What is being asked.
Below are the records; count the lines that include the string "RefDirection" and give only that number.

Collected data
########################################

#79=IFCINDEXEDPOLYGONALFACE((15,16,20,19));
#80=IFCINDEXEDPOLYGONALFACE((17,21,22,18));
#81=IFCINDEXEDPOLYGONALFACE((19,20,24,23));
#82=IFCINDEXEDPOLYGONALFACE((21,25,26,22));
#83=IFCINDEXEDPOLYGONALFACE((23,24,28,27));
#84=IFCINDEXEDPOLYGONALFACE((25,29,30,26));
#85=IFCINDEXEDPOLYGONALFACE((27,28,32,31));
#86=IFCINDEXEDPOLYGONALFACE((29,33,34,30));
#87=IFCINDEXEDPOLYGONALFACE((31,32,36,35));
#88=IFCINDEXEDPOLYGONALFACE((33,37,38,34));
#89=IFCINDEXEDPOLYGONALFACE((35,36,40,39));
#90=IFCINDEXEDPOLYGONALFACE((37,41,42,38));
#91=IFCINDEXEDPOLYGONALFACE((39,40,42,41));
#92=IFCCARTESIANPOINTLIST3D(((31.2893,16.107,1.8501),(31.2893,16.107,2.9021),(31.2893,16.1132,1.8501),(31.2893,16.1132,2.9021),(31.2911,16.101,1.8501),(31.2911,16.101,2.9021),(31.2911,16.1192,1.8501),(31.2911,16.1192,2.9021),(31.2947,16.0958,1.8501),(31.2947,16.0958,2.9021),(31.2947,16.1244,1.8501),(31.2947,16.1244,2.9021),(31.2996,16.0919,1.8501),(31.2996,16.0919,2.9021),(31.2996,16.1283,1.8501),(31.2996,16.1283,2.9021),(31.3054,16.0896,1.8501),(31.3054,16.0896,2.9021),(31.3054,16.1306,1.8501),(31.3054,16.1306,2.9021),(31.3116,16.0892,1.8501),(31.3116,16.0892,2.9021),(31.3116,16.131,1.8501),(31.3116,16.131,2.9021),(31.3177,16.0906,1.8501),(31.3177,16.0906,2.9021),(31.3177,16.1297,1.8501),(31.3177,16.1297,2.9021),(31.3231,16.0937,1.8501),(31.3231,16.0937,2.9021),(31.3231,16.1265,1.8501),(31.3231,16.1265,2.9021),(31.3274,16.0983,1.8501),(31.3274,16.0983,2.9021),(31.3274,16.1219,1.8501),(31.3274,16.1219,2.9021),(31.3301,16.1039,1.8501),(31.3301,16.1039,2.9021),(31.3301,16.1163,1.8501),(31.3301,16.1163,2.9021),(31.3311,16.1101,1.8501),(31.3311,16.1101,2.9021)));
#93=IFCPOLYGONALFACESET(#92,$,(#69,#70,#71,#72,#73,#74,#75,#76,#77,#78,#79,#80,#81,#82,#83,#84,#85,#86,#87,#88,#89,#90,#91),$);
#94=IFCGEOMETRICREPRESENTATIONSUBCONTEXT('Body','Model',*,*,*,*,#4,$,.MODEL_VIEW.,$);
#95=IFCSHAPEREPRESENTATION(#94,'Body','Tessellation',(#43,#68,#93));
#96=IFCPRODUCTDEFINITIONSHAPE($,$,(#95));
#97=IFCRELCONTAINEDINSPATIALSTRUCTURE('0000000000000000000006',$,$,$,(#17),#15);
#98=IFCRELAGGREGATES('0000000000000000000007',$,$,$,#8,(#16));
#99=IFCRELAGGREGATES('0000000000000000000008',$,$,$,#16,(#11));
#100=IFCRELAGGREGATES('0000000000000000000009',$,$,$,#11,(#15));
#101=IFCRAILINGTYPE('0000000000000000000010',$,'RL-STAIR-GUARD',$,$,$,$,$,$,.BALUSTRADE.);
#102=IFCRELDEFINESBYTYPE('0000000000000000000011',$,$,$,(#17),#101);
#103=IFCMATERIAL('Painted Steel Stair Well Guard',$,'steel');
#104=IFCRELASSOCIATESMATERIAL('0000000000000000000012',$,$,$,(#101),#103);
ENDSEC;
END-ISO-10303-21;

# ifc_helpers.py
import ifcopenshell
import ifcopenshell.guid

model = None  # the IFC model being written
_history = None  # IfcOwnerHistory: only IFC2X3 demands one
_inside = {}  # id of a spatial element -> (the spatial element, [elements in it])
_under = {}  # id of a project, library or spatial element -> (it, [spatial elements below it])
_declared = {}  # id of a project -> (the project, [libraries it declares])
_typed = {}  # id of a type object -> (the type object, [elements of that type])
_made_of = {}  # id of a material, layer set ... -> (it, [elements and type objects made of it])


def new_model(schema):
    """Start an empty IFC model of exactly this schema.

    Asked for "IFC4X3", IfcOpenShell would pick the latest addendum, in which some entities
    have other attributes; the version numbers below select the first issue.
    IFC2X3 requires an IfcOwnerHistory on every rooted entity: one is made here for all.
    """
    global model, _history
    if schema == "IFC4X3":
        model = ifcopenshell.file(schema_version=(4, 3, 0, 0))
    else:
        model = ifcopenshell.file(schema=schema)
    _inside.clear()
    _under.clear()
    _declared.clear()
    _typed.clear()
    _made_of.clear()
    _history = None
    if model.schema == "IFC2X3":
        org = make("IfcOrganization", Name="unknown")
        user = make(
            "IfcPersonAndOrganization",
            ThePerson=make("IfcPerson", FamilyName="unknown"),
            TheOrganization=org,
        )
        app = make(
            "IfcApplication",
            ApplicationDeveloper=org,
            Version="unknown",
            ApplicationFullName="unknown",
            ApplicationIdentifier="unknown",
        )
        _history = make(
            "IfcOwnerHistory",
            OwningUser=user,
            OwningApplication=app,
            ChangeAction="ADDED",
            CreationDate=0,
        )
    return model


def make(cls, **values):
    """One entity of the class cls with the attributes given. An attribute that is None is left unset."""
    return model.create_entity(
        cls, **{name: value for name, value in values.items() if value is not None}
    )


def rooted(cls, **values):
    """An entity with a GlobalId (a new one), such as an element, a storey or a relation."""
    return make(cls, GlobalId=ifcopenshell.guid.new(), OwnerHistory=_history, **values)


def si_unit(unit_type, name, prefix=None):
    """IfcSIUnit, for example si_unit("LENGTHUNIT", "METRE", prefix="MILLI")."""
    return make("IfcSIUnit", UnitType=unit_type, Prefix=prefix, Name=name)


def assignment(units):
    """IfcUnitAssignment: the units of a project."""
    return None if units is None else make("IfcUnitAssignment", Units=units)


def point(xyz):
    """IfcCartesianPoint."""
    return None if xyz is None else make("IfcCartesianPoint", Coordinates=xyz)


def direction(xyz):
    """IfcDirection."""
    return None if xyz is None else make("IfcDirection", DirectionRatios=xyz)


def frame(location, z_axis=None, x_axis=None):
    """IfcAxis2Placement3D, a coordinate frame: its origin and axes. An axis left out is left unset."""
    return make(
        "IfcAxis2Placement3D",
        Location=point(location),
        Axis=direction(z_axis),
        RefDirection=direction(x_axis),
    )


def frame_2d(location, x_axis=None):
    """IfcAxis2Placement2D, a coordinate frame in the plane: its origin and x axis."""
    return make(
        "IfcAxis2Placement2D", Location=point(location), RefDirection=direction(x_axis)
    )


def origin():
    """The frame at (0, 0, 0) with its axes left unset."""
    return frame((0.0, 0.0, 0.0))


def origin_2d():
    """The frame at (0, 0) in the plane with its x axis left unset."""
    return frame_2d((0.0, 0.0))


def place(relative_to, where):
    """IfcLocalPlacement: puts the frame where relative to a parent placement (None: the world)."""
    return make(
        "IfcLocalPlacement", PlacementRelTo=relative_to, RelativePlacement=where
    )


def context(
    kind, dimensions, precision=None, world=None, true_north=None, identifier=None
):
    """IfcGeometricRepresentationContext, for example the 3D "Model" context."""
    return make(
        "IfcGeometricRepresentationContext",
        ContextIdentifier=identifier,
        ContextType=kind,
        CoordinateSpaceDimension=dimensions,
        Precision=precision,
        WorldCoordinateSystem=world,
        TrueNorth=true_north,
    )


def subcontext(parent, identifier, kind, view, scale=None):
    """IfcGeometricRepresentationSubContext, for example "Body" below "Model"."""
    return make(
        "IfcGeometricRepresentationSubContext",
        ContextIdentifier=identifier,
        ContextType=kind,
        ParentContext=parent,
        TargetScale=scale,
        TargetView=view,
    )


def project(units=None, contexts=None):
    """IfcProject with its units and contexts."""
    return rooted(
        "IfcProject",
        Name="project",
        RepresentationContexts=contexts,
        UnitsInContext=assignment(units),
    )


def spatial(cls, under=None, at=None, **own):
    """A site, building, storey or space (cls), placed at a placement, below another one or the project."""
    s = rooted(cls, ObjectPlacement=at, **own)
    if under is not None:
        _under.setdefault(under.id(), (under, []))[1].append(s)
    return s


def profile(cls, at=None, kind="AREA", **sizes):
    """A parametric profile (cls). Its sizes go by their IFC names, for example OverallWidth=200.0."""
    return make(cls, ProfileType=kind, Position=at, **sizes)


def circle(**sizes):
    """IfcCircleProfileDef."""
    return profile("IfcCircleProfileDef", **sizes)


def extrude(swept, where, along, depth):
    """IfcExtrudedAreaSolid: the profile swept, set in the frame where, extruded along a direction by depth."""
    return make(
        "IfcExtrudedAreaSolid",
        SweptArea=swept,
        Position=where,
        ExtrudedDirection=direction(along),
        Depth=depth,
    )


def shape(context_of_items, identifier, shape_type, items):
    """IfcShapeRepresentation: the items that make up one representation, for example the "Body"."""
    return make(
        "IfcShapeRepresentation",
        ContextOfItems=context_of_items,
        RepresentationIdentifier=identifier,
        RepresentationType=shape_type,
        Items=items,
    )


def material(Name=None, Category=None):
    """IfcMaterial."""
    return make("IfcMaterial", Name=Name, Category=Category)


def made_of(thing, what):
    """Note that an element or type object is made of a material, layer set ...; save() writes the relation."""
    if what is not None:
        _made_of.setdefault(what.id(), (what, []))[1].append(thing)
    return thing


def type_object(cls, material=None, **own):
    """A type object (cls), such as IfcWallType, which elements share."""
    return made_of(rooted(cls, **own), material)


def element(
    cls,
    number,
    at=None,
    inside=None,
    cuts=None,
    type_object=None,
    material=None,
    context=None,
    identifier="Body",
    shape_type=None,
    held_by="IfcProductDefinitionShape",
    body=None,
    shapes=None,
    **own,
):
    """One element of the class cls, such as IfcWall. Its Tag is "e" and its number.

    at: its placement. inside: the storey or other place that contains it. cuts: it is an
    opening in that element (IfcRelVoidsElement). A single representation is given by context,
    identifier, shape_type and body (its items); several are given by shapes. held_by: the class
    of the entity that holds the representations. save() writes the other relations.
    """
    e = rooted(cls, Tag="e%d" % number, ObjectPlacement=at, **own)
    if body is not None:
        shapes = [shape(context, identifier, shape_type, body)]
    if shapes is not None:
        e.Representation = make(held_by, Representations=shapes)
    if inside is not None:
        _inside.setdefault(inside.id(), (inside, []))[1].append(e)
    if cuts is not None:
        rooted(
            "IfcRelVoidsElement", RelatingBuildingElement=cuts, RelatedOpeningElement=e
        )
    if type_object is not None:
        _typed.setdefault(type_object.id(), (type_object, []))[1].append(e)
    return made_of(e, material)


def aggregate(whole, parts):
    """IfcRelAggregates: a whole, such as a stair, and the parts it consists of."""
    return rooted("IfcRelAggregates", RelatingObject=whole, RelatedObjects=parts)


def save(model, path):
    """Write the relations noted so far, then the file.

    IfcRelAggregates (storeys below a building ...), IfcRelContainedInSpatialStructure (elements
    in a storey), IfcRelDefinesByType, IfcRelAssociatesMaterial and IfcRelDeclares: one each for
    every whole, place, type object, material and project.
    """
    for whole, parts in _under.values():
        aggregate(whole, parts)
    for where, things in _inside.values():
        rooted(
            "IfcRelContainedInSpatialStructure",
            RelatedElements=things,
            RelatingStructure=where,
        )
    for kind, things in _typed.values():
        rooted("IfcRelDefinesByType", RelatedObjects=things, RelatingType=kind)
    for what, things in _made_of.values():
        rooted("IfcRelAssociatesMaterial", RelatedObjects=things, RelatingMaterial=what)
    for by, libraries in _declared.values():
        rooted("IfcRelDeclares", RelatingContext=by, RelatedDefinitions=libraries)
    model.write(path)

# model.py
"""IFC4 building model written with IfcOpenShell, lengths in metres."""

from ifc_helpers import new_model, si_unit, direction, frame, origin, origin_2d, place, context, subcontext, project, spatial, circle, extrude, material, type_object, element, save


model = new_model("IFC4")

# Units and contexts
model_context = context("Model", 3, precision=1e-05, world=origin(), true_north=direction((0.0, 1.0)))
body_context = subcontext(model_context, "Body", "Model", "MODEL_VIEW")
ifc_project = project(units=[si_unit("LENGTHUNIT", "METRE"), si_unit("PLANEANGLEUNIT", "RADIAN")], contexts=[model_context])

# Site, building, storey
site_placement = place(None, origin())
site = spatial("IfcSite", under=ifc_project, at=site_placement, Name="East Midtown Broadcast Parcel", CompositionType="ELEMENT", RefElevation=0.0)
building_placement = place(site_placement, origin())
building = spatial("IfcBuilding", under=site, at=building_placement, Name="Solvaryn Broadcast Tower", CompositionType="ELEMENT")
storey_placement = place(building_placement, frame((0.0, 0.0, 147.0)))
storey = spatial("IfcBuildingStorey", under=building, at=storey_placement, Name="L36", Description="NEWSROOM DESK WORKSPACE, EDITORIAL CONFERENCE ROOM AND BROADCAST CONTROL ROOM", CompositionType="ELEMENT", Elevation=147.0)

########################################

Task output.
2